** Activity **
A word-for-word transcription of the listing is all that is needed.

· · ·

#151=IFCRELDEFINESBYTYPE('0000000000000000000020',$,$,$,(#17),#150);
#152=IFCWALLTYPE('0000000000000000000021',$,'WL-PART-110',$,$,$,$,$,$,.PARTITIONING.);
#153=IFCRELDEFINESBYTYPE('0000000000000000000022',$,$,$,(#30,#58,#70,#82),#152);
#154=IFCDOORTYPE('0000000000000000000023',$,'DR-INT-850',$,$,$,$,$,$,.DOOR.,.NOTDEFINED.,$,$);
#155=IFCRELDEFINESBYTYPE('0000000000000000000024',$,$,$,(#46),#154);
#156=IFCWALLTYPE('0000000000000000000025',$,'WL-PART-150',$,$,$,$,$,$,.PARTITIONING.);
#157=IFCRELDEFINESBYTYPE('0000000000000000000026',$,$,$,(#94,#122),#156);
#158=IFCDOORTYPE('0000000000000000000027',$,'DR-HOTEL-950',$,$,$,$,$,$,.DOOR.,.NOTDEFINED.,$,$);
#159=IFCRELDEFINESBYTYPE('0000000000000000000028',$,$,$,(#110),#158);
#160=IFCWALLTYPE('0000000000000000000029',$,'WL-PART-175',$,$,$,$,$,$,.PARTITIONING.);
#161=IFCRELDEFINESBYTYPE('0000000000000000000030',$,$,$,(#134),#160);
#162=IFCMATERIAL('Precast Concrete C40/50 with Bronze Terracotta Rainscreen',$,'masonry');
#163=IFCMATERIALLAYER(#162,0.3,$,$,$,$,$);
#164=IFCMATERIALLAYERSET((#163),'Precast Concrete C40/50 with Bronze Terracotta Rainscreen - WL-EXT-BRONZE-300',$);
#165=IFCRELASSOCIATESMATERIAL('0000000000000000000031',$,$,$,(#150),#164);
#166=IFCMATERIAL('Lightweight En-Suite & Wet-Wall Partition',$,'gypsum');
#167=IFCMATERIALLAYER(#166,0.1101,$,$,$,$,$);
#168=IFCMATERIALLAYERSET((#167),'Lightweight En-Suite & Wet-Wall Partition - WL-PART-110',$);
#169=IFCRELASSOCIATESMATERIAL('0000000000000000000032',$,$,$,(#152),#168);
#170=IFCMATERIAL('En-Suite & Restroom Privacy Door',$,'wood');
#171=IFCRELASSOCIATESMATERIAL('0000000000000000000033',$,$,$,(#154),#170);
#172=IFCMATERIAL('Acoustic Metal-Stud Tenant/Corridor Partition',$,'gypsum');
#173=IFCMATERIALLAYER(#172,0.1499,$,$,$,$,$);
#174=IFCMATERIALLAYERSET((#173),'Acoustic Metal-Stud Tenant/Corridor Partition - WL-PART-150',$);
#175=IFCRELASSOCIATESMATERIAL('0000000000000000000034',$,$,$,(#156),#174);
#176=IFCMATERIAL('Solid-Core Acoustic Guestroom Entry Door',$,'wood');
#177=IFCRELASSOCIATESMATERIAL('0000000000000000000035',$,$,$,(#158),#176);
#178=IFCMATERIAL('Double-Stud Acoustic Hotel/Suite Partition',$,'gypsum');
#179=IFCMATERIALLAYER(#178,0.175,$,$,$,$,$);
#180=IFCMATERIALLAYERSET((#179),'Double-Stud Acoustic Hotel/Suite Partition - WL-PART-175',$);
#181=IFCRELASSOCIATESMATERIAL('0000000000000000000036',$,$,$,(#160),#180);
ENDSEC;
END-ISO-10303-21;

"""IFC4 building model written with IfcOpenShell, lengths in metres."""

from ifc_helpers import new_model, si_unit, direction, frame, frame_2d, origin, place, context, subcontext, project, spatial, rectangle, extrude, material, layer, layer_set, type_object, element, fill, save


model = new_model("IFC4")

· · ·

** The answer **
#151=IFCRELDEFINESBYTYPE('0000000000000000000020',$,$,$,(#17),#150);
#152=IFCWALLTYPE('0000000000000000000021',$,'WL-PART-110',$,$,$,$,$,$,.PARTITIONING.);
#153=IFCRELDEFINESBYTYPE('0000000000000000000022',$,$,$,(#30,#58,#70,#82),#152);
#154=IFCDOORTYPE('0000000000000000000023',$,'DR-INT-850',$,$,$,$,$,$,.DOOR.,.NOTDEFINED.,$,$);
#155=IFCRELDEFINESBYTYPE('0000000000000000000024',$,$,$,(#46),#154);
#156=IFCWALLTYPE('0000000000000000000025',$,'WL-PART-150',$,$,$,$,$,$,.PARTITIONING.);
#157=IFCRELDEFINESBYTYPE('0000000000000000000026',$,$,$,(#94,#122),#156);
#158=IFCDOORTYPE('0000000000000000000027',$,'DR-HOTEL-950',$,$,$,$,$,$,.DOOR.,.NOTDEFINED.,$,$);
#159=IFCRELDEFINESBYTYPE('0000000000000000000028',$,$,$,(#110),#158);
#160=IFCWALLTYPE('0000000000000000000029',$,'WL-PART-175',$,$,$,$,$,$,.PARTITIONING.);
#161=IFCRELDEFINESBYTYPE('0000000000000000000030',$,$,$,(#134),#160);
#162=IFCMATERIAL('Precast Concrete C40/50 with Bronze Terracotta Rainscreen',$,'masonry');
#163=IFCMATERIALLAYER(#162,0.3,$,$,$,$,$);
#164=IFCMATERIALLAYERSET((#163),'Precast Concrete C40/50 with Bronze Terracotta Rainscreen - WL-EXT-BRONZE-300',$);
#165=IFCRELASSOCIATESMATERIAL('0000000000000000000031',$,$,$,(#150),#164);
#166=IFCMATERIAL('Lightweight En-Suite & Wet-Wall Partition',$,'gypsum');
#167=IFCMATERIALLAYER(#166,0.1101,$,$,$,$,$);
#168=IFCMATERIALLAYERSET((#167),'Lightweight En-Suite & Wet-Wall Partition - WL-PART-110',$);
#169=IFCRELASSOCIATESMATERIAL('0000000000000000000032',$,$,$,(#152),#168);
#170=IFCMATERIAL('En-Suite & Restroom Privacy Door',$,'wood');
#171=IFCRELASSOCIATESMATERIAL('0000000000000000000033',$,$,$,(#154),#170);
#172=IFCMATERIAL('Acoustic Metal-Stud Tenant/Corridor Partition',$,'gypsum');
#173=IFCMATERIALLAYER(#172,0.1499,$,$,$,$,$);
#174=IFCMATERIALLAYERSET((#173),'Acoustic Metal-Stud Tenant/Corridor Partition - WL-PART-150',$);
#175=IFCRELASSOCIATESMATERIAL('0000000000000000000034',$,$,$,(#156),#174);
#176=IFCMATERIAL('Solid-Core Acoustic Guestroom Entry Door',$,'wood');
#177=IFCRELASSOCIATESMATERIAL('0000000000000000000035',$,$,$,(#158),#176);
#178=IFCMATERIAL('Double-Stud Acoustic Hotel/Suite Partition',$,'gypsum');
#179=IFCMATERIALLAYER(#178,0.175,$,$,$,$,$);
#180=IFCMATERIALLAYERSET((#179),'Double-Stud Acoustic Hotel/Suite Partition - WL-PART-175',$);
#181=IFCRELASSOCIATESMATERIAL('0000000000000000000036',$,$,$,(#160),#180);
ENDSEC;
END-ISO-10303-21;

"""IFC4 building model written with IfcOpenShell, lengths in metres."""

from ifc_helpers import new_model, si_unit, direction, frame, frame_2d, origin, place, context, subcontext, project, spatial, rectangle, extrude, material, layer, layer_set, type_object, element, fill, save


model = new_model("IFC4")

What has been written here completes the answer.